◆ Exercise details: Tally up the lines below that contain the word "contexts" and give the total alone.

◆ Task input:
________
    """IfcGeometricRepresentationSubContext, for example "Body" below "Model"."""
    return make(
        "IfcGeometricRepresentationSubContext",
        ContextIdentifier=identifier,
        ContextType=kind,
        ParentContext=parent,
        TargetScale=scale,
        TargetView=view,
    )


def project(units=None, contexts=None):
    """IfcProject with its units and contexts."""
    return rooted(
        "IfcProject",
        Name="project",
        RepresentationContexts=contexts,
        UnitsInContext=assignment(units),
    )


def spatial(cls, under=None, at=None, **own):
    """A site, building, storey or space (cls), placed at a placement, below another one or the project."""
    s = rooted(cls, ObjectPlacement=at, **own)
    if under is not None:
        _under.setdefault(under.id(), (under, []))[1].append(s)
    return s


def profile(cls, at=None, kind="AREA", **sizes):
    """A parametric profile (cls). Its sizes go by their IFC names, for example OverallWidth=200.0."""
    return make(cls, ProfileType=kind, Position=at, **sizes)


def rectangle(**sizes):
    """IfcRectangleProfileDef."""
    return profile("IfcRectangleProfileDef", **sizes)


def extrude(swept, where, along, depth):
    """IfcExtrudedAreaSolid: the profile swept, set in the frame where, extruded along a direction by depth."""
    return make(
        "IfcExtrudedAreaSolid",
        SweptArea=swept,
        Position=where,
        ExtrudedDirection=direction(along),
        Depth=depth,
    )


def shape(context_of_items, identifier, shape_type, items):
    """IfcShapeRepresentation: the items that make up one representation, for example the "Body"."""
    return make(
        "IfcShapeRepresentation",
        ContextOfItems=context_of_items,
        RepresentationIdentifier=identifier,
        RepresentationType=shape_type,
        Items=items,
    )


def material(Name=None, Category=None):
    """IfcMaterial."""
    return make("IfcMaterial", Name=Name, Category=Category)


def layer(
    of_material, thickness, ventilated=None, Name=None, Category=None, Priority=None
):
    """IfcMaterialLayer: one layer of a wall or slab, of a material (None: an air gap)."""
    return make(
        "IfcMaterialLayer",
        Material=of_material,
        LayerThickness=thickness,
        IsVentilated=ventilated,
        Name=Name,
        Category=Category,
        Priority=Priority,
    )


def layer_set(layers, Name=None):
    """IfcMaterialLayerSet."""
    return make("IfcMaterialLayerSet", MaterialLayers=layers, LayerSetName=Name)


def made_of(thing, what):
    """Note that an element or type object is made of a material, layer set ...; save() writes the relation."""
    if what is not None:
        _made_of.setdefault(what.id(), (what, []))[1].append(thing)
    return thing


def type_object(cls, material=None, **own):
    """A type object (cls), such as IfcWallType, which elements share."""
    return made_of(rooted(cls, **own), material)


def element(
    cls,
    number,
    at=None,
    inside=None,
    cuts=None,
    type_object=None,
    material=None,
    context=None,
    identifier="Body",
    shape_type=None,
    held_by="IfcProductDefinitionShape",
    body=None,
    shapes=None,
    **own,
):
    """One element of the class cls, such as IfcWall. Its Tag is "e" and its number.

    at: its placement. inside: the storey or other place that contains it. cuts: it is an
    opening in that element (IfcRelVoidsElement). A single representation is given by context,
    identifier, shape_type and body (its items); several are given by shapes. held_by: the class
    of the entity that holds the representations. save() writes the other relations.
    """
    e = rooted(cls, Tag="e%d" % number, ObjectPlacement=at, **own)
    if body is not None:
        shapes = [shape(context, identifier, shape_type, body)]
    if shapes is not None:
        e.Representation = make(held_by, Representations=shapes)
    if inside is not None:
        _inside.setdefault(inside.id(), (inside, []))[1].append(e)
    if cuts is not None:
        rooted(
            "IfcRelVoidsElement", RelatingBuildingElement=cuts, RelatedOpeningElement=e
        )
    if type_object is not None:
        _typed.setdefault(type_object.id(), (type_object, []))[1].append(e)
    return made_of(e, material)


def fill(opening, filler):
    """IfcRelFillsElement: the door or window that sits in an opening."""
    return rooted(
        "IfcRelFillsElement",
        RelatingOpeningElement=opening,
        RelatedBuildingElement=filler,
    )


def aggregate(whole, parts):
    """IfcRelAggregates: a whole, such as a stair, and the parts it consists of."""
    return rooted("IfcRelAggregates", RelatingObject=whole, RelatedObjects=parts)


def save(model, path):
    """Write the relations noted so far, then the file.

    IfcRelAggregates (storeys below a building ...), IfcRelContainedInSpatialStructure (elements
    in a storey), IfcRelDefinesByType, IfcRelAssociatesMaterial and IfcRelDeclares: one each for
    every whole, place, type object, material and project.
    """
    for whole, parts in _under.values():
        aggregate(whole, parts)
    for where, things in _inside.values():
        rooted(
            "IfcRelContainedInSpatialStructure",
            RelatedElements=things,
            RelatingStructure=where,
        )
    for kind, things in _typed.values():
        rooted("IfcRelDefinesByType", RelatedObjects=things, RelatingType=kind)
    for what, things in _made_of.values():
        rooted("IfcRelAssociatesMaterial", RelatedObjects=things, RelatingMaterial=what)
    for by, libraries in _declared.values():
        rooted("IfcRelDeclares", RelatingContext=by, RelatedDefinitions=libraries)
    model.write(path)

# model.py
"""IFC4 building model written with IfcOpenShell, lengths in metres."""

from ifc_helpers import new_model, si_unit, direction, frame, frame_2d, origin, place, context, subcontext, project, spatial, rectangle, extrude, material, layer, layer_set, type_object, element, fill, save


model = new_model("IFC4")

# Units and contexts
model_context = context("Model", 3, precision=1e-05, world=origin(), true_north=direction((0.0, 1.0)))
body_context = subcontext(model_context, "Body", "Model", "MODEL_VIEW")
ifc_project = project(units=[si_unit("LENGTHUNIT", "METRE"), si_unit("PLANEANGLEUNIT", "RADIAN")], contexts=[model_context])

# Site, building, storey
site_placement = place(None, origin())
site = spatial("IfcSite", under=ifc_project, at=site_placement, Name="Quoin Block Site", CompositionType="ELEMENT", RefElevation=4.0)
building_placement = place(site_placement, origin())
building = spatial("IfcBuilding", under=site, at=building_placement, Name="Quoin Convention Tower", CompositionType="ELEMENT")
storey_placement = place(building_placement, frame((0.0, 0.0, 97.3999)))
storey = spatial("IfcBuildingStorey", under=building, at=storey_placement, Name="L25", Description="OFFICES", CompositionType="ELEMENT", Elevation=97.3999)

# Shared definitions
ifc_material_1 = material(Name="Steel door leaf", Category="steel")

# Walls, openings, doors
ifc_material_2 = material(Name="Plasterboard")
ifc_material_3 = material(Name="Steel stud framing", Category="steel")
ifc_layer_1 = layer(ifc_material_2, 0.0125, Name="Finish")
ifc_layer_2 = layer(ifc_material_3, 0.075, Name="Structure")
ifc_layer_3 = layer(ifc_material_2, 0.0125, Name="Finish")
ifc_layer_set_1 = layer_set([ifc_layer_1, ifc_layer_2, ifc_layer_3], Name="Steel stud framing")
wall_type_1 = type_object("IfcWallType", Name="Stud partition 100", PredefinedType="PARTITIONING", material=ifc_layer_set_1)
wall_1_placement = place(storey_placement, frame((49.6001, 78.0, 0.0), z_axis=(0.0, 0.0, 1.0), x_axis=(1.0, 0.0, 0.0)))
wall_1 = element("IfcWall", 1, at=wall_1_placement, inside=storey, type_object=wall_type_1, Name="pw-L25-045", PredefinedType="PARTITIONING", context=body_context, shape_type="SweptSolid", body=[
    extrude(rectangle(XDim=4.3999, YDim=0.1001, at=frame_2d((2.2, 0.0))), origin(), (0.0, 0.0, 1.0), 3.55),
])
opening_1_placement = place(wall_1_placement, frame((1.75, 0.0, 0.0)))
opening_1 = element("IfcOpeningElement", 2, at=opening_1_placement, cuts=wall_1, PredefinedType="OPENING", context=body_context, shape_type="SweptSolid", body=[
________
◆ Response area: 5